» **Problem**: In the data below, find each line containing the string "IfcSite" and return it.
=== Begin Enclosure ===
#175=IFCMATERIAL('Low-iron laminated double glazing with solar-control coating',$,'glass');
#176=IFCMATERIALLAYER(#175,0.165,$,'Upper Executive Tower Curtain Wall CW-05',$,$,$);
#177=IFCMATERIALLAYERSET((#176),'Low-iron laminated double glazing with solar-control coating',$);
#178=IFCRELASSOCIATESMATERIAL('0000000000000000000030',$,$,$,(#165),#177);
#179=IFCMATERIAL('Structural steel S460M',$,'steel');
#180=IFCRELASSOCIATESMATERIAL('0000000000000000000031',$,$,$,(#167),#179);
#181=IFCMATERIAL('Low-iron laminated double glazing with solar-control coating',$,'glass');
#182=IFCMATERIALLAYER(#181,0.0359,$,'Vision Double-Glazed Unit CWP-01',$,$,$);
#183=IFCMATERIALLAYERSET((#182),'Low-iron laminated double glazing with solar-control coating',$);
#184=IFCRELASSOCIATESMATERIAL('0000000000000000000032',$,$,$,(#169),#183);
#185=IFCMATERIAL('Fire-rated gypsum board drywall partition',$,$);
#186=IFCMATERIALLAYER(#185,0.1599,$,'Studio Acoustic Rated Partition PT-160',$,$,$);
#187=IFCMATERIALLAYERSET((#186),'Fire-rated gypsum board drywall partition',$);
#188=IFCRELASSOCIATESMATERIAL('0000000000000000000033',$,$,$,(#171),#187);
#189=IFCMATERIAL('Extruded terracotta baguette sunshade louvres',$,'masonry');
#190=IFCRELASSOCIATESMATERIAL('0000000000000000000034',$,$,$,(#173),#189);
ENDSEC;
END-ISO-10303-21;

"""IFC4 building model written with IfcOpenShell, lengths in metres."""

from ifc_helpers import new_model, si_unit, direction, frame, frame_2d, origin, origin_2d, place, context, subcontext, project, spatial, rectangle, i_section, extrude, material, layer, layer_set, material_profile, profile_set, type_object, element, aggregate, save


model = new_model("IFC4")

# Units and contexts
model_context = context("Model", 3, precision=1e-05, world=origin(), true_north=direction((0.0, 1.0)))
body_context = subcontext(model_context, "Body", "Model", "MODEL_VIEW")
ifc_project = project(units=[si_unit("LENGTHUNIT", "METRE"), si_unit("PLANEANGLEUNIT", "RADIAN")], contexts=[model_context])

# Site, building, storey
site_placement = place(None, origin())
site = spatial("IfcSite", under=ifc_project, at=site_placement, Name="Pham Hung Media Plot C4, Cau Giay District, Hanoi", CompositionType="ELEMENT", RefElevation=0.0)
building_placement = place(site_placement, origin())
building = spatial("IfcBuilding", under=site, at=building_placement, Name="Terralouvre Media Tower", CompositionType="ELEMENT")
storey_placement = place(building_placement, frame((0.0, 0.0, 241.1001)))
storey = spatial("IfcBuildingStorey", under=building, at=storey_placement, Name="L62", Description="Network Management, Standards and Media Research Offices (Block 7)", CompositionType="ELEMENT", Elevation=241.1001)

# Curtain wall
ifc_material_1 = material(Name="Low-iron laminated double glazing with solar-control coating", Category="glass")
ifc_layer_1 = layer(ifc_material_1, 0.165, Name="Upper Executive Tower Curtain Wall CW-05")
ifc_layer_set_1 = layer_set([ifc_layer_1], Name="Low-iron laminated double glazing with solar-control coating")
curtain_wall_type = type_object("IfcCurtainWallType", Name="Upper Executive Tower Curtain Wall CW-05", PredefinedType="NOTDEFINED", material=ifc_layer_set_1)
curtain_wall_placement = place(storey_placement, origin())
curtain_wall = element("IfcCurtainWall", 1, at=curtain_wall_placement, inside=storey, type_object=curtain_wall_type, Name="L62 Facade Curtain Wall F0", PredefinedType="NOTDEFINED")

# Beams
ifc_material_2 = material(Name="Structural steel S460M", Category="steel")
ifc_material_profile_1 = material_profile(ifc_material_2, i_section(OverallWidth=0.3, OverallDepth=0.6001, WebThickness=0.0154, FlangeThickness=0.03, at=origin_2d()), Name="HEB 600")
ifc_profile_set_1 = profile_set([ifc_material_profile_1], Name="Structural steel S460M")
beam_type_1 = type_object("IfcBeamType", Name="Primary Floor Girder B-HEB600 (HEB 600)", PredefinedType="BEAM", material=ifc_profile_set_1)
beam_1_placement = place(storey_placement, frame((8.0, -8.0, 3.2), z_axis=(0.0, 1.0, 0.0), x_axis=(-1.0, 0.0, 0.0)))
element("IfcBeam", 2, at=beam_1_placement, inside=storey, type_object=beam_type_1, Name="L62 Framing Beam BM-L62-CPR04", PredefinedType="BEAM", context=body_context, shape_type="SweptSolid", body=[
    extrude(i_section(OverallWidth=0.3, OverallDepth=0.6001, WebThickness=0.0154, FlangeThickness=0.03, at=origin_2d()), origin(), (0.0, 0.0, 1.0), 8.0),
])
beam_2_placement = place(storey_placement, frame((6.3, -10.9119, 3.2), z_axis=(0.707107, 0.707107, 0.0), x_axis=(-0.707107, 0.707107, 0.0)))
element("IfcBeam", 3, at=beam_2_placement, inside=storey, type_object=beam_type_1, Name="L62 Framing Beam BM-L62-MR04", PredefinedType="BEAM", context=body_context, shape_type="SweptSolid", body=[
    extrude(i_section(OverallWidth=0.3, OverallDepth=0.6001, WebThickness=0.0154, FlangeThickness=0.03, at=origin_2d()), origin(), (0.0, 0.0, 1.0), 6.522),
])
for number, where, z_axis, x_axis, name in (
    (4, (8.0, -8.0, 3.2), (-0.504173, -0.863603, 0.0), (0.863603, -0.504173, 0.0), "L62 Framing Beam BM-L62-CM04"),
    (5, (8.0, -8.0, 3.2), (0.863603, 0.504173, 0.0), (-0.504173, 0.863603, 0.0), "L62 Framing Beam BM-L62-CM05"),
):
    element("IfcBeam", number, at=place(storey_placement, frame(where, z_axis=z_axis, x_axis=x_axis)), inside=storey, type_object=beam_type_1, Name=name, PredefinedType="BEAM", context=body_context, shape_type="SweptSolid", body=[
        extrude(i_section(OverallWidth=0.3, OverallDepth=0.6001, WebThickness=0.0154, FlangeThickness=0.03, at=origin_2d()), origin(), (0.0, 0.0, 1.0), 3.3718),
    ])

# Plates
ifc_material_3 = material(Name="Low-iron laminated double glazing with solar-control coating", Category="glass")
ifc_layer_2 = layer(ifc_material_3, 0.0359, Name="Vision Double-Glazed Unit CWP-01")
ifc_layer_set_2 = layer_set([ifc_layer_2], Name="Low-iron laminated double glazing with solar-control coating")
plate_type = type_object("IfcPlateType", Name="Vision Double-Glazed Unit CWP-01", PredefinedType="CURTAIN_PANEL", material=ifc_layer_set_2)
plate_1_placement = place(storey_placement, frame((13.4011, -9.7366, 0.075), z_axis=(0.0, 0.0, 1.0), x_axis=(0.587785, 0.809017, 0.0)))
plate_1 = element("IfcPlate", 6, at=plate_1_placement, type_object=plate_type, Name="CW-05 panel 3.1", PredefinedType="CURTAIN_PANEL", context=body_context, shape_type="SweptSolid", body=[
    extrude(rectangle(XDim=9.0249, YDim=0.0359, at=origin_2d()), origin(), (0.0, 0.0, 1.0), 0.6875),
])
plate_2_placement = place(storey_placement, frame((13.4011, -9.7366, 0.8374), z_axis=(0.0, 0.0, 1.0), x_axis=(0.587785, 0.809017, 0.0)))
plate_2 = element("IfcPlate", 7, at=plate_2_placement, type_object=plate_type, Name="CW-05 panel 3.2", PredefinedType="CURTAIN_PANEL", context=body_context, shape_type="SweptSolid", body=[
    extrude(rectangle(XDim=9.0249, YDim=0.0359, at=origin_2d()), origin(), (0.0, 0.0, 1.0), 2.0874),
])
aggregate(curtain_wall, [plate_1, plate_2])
=== End Enclosure ===
=== Begin Enclosure ===
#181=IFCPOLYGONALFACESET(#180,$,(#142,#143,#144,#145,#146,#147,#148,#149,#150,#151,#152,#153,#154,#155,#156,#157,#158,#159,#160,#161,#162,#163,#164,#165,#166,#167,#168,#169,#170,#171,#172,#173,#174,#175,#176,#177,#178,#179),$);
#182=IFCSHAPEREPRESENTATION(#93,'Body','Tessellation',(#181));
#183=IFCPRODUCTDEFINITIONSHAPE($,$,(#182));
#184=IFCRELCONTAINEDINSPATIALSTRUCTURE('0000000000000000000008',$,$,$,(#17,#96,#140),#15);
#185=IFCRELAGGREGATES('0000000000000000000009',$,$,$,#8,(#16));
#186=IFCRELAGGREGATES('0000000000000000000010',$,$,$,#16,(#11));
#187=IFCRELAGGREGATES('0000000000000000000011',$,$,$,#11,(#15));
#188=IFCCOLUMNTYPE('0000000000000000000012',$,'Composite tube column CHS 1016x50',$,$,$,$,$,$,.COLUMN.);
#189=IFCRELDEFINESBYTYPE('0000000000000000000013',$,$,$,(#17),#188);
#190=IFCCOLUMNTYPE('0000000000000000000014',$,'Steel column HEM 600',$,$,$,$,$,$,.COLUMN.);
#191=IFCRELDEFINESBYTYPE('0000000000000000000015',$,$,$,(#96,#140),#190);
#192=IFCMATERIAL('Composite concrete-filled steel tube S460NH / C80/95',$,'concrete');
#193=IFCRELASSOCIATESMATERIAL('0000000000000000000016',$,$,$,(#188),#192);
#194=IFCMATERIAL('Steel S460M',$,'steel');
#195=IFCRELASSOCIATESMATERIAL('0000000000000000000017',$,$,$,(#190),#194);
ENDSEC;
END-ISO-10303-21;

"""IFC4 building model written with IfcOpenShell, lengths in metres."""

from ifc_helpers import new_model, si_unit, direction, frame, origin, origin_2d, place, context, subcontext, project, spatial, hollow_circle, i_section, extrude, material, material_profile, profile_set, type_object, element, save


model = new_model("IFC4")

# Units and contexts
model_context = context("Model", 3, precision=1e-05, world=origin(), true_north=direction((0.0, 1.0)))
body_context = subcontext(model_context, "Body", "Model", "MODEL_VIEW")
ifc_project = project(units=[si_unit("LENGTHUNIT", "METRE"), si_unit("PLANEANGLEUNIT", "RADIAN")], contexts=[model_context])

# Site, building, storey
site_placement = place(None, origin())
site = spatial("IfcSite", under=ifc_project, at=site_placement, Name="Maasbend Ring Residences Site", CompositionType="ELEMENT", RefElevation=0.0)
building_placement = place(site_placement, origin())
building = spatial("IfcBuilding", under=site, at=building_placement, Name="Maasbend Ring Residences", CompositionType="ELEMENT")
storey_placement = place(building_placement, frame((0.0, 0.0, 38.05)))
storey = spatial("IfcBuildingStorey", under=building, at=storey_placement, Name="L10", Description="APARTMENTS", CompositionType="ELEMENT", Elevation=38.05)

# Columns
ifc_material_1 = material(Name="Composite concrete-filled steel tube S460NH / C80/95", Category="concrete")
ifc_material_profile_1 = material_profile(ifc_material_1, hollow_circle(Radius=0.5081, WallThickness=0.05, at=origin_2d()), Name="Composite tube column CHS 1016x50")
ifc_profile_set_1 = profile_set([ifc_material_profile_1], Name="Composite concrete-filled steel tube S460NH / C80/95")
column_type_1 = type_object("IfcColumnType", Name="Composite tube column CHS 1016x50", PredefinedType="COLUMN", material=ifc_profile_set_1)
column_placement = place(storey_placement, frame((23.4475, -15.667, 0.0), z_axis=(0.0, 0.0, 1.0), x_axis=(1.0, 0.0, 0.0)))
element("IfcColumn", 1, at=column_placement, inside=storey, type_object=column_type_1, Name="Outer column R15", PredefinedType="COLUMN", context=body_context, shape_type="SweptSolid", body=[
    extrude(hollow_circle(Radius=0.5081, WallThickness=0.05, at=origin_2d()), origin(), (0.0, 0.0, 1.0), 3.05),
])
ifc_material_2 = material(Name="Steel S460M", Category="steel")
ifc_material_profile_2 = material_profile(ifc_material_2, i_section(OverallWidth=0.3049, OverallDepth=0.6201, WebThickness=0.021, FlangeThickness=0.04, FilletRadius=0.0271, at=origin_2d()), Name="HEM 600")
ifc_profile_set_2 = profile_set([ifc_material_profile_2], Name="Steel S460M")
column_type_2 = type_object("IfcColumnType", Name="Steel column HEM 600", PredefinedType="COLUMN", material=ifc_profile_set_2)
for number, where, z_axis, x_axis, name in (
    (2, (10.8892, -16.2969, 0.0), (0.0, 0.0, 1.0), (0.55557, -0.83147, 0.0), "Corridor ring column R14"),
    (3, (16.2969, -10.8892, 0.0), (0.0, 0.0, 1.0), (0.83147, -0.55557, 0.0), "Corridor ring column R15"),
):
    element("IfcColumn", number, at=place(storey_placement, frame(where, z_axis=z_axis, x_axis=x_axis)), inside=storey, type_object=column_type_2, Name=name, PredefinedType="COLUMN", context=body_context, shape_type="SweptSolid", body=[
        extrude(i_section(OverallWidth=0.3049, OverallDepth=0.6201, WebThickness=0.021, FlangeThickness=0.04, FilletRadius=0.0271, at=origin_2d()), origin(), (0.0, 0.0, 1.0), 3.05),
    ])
=== End Enclosure ===
» **Problem solution**:
site = spatial("IfcSite", under=ifc_project, at=site_placement, Name="Pham Hung Media Plot C4, Cau Giay District, Hanoi", CompositionType="ELEMENT", RefElevation=0.0)
site = spatial("IfcSite", under=ifc_project, at=site_placement, Name="Maasbend Ring Residences Site", CompositionType="ELEMENT", RefElevation=0.0)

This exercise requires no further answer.